Work task » Look through the material and copy each line holding "fire".
——————
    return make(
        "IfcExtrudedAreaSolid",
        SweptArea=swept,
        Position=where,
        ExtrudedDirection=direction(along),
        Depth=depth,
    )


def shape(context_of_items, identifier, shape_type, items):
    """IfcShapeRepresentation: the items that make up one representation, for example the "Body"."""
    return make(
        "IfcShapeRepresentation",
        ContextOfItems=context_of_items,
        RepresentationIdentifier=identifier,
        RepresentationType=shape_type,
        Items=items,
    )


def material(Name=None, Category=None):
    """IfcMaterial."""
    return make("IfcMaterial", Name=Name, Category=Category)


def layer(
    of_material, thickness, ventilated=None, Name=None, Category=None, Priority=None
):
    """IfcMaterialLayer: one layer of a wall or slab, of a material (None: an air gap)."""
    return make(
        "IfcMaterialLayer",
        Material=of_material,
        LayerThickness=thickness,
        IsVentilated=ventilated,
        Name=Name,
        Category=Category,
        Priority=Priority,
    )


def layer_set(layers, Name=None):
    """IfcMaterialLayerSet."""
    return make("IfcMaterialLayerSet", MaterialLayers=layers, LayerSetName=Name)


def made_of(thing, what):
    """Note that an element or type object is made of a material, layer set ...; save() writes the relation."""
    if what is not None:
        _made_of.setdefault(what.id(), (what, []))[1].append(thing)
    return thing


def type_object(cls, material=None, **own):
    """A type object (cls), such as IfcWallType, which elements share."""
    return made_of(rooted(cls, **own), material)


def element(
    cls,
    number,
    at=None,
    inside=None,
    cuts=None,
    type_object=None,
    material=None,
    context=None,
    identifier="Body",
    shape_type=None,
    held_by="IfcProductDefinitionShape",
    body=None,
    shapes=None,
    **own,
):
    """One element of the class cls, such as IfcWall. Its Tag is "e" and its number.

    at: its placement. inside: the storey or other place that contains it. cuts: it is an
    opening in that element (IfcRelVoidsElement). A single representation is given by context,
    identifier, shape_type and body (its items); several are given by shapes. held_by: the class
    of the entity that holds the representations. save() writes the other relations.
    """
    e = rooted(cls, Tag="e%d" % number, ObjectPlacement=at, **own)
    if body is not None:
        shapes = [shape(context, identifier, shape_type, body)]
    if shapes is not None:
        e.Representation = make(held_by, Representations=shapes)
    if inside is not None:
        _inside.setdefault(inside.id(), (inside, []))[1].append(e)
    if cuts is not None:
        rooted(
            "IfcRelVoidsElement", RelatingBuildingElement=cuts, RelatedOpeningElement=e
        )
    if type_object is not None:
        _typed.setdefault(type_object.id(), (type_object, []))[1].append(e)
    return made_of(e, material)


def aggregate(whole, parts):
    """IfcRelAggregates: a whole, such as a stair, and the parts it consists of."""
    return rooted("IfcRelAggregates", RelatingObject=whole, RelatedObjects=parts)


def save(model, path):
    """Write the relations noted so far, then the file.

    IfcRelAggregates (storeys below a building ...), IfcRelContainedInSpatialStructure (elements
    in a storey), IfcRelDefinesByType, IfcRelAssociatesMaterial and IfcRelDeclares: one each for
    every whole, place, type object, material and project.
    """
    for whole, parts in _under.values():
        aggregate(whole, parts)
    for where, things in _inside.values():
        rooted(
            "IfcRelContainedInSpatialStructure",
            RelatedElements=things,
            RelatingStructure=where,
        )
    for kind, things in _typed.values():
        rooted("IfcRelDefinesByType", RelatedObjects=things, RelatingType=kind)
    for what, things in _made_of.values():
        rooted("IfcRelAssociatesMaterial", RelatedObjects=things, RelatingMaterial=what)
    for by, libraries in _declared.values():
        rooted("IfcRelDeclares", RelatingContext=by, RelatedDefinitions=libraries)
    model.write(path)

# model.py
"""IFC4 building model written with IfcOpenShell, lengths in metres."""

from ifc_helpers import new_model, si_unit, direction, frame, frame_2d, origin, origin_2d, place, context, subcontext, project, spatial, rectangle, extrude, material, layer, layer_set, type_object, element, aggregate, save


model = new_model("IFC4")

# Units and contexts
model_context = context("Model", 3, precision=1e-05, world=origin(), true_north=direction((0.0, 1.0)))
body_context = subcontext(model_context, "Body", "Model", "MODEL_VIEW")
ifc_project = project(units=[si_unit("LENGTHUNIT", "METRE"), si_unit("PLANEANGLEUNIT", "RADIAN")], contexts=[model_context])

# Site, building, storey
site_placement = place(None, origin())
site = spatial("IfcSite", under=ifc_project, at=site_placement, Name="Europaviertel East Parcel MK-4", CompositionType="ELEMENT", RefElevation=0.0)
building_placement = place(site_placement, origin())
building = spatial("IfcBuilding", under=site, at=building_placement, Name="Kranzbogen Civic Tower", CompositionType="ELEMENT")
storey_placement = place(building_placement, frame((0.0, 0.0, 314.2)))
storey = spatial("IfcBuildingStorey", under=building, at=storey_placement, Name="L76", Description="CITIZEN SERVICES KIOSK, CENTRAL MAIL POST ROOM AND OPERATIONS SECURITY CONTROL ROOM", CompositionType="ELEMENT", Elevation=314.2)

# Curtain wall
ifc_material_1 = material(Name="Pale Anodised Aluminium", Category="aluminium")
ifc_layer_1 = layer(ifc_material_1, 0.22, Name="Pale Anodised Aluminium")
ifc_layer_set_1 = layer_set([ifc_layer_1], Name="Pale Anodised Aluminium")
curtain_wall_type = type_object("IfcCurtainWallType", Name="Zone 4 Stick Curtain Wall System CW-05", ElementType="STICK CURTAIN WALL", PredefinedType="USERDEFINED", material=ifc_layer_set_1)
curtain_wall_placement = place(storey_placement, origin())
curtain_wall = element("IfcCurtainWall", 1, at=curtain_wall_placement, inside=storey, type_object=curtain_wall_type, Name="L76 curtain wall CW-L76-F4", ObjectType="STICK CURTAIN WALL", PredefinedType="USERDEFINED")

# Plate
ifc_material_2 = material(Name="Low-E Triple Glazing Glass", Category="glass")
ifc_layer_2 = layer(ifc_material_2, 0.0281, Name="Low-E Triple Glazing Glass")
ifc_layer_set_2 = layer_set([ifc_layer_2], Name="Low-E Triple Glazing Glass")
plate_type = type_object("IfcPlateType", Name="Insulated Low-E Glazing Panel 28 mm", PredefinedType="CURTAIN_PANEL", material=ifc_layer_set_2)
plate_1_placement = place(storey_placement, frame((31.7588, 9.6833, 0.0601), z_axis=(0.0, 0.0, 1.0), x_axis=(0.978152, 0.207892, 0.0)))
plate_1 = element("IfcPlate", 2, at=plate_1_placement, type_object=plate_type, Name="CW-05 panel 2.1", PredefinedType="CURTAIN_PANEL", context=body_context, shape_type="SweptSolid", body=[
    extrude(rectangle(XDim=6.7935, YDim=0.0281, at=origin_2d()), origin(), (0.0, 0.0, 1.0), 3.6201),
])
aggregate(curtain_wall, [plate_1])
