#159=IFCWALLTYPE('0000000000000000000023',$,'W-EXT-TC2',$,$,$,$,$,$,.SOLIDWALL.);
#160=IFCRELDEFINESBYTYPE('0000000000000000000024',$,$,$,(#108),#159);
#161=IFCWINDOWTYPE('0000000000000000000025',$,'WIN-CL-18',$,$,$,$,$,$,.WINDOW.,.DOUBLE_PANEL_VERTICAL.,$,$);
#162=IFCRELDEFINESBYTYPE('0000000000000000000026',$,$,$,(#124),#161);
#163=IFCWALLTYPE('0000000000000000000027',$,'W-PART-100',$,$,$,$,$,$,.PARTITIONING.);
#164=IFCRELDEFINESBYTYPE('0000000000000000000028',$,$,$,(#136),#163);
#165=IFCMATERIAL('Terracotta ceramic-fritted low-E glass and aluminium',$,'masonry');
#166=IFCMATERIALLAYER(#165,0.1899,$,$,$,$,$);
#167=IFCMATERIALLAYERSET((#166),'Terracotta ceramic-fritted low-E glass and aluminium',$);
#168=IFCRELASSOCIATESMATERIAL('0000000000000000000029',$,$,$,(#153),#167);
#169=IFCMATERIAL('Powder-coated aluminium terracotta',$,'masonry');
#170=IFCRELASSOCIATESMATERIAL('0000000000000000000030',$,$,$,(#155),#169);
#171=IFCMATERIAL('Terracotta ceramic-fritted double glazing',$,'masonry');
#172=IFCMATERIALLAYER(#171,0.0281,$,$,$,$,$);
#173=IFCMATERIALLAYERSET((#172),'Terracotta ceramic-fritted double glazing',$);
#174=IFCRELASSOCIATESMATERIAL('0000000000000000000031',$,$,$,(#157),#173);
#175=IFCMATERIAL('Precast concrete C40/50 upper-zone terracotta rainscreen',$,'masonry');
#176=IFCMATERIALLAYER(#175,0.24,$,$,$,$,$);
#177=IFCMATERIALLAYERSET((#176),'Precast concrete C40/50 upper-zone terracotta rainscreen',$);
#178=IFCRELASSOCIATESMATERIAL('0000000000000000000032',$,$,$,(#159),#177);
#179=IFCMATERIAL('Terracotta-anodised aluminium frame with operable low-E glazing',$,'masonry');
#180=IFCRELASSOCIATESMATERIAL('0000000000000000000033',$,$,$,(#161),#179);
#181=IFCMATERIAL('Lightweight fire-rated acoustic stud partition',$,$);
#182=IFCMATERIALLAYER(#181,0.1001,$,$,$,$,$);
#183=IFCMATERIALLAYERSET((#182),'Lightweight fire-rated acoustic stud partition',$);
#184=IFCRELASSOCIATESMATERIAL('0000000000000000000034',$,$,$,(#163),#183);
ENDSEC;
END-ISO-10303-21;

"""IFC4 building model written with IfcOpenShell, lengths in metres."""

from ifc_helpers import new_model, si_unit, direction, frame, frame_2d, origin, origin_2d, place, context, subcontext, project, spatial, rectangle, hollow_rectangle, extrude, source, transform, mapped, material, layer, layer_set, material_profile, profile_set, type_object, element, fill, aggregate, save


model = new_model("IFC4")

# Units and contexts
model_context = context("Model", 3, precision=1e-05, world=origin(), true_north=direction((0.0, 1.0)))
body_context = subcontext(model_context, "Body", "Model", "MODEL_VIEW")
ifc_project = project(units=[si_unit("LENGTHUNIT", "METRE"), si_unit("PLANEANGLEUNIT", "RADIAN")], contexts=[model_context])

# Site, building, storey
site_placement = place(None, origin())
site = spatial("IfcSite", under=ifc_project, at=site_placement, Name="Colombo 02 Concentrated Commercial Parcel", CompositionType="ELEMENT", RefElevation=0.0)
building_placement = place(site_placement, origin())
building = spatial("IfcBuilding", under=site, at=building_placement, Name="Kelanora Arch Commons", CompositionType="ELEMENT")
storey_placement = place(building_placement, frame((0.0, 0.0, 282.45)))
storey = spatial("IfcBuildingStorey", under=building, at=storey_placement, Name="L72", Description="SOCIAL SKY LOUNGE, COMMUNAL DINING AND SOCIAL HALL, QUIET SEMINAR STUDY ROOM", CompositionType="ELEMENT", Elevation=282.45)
——————
Exercise response »
#181=IFCMATERIAL('Lightweight fire-rated acoustic stud partition',$,$);
#183=IFCMATERIALLAYERSET((#182),'Lightweight fire-rated acoustic stud partition',$);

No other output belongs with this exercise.